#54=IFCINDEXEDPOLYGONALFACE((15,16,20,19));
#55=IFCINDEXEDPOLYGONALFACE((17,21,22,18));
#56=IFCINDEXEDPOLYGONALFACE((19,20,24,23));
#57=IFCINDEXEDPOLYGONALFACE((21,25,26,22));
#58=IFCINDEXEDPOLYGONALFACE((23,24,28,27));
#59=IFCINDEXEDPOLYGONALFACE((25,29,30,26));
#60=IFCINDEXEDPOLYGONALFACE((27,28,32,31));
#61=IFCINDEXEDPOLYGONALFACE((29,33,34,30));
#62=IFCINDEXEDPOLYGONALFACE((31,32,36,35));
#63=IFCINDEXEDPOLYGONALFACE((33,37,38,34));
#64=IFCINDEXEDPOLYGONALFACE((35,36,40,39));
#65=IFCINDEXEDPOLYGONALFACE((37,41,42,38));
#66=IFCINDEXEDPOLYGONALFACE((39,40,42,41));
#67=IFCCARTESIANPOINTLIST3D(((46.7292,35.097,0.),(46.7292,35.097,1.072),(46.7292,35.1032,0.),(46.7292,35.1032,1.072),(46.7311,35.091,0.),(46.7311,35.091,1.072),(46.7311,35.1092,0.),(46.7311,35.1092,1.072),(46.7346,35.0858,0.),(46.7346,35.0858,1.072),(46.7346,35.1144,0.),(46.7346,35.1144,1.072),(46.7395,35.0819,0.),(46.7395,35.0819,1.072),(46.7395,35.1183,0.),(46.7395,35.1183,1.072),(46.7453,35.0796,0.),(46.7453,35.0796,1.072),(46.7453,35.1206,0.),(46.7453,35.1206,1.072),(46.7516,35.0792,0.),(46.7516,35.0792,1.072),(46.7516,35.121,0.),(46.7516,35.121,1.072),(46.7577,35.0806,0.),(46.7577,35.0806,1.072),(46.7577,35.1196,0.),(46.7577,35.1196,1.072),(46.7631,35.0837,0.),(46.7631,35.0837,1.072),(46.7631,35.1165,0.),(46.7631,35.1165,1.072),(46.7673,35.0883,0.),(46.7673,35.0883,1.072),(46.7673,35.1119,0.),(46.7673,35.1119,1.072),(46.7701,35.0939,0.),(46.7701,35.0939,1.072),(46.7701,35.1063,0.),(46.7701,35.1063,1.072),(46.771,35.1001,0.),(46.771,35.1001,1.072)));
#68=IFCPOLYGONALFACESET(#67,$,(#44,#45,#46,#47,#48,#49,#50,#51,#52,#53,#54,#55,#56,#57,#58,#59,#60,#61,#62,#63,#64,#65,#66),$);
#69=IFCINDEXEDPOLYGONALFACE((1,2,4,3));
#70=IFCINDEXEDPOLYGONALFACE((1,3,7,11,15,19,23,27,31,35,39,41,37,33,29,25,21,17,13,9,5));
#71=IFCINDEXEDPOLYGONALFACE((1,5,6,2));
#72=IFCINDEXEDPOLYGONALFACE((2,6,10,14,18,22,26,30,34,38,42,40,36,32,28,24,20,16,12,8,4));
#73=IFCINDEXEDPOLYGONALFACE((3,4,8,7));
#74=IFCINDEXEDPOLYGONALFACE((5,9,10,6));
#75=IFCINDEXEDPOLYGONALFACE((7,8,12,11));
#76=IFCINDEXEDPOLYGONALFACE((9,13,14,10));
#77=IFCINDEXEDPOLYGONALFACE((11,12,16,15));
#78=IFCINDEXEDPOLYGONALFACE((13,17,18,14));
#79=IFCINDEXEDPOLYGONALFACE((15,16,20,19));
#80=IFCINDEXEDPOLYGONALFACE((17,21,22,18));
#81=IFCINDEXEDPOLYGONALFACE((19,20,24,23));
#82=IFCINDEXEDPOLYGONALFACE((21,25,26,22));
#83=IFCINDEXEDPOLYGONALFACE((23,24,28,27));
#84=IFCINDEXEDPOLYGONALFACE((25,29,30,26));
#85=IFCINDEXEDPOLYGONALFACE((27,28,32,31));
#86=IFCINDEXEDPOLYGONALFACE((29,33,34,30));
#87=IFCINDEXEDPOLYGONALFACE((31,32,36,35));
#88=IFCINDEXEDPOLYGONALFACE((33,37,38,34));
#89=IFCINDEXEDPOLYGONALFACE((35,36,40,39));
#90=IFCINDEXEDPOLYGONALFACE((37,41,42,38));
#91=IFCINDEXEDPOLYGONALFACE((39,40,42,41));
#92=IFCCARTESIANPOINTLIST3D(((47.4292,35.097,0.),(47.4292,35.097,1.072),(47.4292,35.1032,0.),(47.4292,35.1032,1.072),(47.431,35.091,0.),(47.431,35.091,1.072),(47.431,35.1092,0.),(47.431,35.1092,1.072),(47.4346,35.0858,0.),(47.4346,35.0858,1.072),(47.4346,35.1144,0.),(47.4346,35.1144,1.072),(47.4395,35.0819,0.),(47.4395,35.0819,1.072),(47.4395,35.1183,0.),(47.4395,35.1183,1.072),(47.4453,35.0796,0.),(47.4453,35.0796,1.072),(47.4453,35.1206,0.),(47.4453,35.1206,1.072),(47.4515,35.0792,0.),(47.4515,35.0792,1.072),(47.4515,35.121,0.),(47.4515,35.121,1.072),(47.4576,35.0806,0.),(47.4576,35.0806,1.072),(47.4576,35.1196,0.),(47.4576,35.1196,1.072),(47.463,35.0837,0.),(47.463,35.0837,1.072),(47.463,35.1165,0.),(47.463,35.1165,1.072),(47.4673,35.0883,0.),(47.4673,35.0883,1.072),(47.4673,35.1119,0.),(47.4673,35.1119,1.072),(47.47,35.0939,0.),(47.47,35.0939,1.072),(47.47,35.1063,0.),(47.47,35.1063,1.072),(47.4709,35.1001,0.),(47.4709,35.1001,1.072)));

════════════════════

**Work instructions**.
From the line containing "#73=IFCINDEXEDPOLYGONALFACE((3,4,8,7));" down to the line containing "#91=IFCINDEXEDPOLYGONALFACE((39,40,42,41));" in the material above, reproduce every line exactly, including the two end lines.

**Solution to the exercise**.
#73=IFCINDEXEDPOLYGONALFACE((3,4,8,7));
#74=IFCINDEXEDPOLYGONALFACE((5,9,10,6));
#75=IFCINDEXEDPOLYGONALFACE((7,8,12,11));
#76=IFCINDEXEDPOLYGONALFACE((9,13,14,10));
#77=IFCINDEXEDPOLYGONALFACE((11,12,16,15));
#78=IFCINDEXEDPOLYGONALFACE((13,17,18,14));
#79=IFCINDEXEDPOLYGONALFACE((15,16,20,19));
#80=IFCINDEXEDPOLYGONALFACE((17,21,22,18));
#81=IFCINDEXEDPOLYGONALFACE((19,20,24,23));
#82=IFCINDEXEDPOLYGONALFACE((21,25,26,22));
#83=IFCINDEXEDPOLYGONALFACE((23,24,28,27));
#84=IFCINDEXEDPOLYGONALFACE((25,29,30,26));
#85=IFCINDEXEDPOLYGONALFACE((27,28,32,31));
#86=IFCINDEXEDPOLYGONALFACE((29,33,34,30));
#87=IFCINDEXEDPOLYGONALFACE((31,32,36,35));
#88=IFCINDEXEDPOLYGONALFACE((33,37,38,34));
#89=IFCINDEXEDPOLYGONALFACE((35,36,40,39));
#90=IFCINDEXEDPOLYGONALFACE((37,41,42,38));
#91=IFCINDEXEDPOLYGONALFACE((39,40,42,41));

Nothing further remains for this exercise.